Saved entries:

- Opening Delimiter -

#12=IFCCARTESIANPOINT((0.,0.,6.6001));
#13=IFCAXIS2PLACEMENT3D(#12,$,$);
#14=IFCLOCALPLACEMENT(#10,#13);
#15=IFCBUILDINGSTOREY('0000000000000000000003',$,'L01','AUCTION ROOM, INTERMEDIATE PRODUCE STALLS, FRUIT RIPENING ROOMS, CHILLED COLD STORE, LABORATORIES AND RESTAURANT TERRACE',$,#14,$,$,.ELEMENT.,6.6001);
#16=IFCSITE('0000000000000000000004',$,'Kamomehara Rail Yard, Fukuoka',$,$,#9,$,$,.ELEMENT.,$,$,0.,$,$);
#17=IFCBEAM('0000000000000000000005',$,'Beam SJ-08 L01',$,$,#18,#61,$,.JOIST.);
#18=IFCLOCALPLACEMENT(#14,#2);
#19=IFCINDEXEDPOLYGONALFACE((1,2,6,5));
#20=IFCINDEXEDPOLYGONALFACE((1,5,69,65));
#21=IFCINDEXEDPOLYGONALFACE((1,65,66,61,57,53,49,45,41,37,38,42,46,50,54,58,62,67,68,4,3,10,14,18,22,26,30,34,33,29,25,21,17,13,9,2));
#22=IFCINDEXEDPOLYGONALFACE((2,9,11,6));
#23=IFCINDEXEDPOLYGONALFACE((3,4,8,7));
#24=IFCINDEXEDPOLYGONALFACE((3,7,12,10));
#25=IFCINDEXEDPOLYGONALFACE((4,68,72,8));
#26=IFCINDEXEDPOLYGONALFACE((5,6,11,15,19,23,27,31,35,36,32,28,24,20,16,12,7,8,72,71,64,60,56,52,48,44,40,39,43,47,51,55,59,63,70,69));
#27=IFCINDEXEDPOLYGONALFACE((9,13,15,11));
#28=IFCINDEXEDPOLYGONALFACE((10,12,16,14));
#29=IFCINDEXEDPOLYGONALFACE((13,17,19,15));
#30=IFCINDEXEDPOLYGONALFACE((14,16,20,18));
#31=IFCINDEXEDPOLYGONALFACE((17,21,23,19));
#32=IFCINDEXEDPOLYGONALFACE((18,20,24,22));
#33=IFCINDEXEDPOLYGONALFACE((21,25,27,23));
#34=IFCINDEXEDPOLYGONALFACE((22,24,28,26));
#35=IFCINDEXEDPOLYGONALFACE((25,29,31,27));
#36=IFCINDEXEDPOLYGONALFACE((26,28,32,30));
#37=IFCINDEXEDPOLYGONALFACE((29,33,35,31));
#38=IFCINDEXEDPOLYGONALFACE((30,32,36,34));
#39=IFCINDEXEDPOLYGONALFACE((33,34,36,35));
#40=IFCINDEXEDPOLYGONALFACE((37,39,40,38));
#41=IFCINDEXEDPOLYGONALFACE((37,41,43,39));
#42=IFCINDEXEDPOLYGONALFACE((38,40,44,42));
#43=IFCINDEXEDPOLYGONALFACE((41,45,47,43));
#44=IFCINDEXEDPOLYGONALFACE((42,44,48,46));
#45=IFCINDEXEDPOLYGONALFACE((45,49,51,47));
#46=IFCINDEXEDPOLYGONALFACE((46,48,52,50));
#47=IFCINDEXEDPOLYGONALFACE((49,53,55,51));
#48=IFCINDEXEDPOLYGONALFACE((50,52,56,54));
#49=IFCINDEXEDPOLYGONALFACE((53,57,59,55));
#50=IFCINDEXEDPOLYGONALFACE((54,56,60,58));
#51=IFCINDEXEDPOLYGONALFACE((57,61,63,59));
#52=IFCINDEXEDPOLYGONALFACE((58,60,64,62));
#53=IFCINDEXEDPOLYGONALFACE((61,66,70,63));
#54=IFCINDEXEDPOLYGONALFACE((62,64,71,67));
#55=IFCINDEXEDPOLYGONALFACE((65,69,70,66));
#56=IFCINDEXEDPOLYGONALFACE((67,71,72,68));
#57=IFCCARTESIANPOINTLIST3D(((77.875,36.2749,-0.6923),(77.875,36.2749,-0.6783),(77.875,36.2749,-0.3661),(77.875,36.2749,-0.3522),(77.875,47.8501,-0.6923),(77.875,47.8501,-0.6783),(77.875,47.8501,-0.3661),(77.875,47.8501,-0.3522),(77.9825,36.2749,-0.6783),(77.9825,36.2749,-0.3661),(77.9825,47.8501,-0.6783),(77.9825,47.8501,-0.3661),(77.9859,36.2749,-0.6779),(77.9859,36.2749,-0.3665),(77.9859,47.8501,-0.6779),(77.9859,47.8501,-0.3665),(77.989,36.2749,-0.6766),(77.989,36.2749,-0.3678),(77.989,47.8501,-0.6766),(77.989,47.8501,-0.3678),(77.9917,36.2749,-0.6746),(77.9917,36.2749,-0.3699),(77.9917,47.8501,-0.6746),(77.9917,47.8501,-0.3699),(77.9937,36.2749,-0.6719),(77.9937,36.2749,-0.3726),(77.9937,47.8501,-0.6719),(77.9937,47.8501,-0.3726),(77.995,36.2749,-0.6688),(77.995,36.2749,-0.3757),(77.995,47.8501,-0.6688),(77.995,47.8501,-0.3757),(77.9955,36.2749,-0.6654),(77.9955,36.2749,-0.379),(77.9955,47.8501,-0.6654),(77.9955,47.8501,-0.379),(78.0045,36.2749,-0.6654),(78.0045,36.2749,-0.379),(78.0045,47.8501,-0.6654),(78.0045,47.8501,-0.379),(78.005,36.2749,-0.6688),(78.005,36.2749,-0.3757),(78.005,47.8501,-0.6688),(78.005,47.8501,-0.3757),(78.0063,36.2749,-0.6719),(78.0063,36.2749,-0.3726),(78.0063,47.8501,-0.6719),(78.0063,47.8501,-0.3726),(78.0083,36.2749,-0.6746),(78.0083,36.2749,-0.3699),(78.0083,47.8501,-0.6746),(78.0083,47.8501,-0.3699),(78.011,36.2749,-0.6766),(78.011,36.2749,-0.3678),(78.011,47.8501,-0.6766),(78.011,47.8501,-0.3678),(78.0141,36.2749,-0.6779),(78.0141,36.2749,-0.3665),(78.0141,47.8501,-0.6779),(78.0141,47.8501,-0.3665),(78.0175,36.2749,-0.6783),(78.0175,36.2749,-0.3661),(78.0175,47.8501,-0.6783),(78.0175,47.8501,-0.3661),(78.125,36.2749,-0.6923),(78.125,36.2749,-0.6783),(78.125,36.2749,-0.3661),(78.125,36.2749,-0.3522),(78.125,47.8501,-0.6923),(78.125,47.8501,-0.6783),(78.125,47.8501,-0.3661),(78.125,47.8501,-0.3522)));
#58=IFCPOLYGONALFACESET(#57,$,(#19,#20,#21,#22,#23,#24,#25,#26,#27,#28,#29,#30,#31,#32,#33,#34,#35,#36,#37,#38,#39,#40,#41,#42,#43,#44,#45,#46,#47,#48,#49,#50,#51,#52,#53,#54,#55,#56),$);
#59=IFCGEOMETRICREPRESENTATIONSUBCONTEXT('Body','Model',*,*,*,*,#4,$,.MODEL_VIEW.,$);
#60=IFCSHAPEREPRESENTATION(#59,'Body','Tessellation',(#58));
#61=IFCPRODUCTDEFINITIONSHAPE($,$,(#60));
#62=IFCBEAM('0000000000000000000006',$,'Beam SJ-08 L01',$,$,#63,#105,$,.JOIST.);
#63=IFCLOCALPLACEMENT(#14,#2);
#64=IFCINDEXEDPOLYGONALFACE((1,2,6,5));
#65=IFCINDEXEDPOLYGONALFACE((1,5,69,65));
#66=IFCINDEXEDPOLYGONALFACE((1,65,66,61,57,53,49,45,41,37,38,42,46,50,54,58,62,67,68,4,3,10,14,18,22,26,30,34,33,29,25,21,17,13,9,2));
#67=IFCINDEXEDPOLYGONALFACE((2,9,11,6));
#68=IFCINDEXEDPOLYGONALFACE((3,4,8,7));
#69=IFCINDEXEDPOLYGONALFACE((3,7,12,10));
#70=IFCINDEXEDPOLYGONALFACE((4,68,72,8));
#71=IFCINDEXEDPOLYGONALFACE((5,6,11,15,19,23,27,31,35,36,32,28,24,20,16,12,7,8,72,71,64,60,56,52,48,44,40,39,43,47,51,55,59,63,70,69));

- Closing Delimiter -

## Try it
Only one stretch of the records above is wanted: the lines between the one holding "#25=IFCINDEXEDPOLYGONALFACE((4,68,72,8));" and the one holding "#56=IFCINDEXEDPOLYGONALFACE((67,71,72,68));", inclusive, reproduced exactly.

## Written reply
#25=IFCINDEXEDPOLYGONALFACE((4,68,72,8));
#26=IFCINDEXEDPOLYGONALFACE((5,6,11,15,19,23,27,31,35,36,32,28,24,20,16,12,7,8,72,71,64,60,56,52,48,44,40,39,43,47,51,55,59,63,70,69));
#27=IFCINDEXEDPOLYGONALFACE((9,13,15,11));
#28=IFCINDEXEDPOLYGONALFACE((10,12,16,14));
#29=IFCINDEXEDPOLYGONALFACE((13,17,19,15));
#30=IFCINDEXEDPOLYGONALFACE((14,16,20,18));
#31=IFCINDEXEDPOLYGONALFACE((17,21,23,19));
#32=IFCINDEXEDPOLYGONALFACE((18,20,24,22));
#33=IFCINDEXEDPOLYGONALFACE((21,25,27,23));
#34=IFCINDEXEDPOLYGONALFACE((22,24,28,26));
#35=IFCINDEXEDPOLYGONALFACE((25,29,31,27));
#36=IFCINDEXEDPOLYGONALFACE((26,28,32,30));
#37=IFCINDEXEDPOLYGONALFACE((29,33,35,31));
#38=IFCINDEXEDPOLYGONALFACE((30,32,36,34));
#39=IFCINDEXEDPOLYGONALFACE((33,34,36,35));
#40=IFCINDEXEDPOLYGONALFACE((37,39,40,38));
#41=IFCINDEXEDPOLYGONALFACE((37,41,43,39));
#42=IFCINDEXEDPOLYGONALFACE((38,40,44,42));
#43=IFCINDEXEDPOLYGONALFACE((41,45,47,43));
#44=IFCINDEXEDPOLYGONALFACE((42,44,48,46));
#45=IFCINDEXEDPOLYGONALFACE((45,49,51,47));
#46=IFCINDEXEDPOLYGONALFACE((46,48,52,50));
#47=IFCINDEXEDPOLYGONALFACE((49,53,55,51));
#48=IFCINDEXEDPOLYGONALFACE((50,52,56,54));
#49=IFCINDEXEDPOLYGONALFACE((53,57,59,55));
#50=IFCINDEXEDPOLYGONALFACE((54,56,60,58));
#51=IFCINDEXEDPOLYGONALFACE((57,61,63,59));
#52=IFCINDEXEDPOLYGONALFACE((58,60,64,62));
#53=IFCINDEXEDPOLYGONALFACE((61,66,70,63));
#54=IFCINDEXEDPOLYGONALFACE((62,64,71,67));
#55=IFCINDEXEDPOLYGONALFACE((65,69,70,66));
#56=IFCINDEXEDPOLYGONALFACE((67,71,72,68));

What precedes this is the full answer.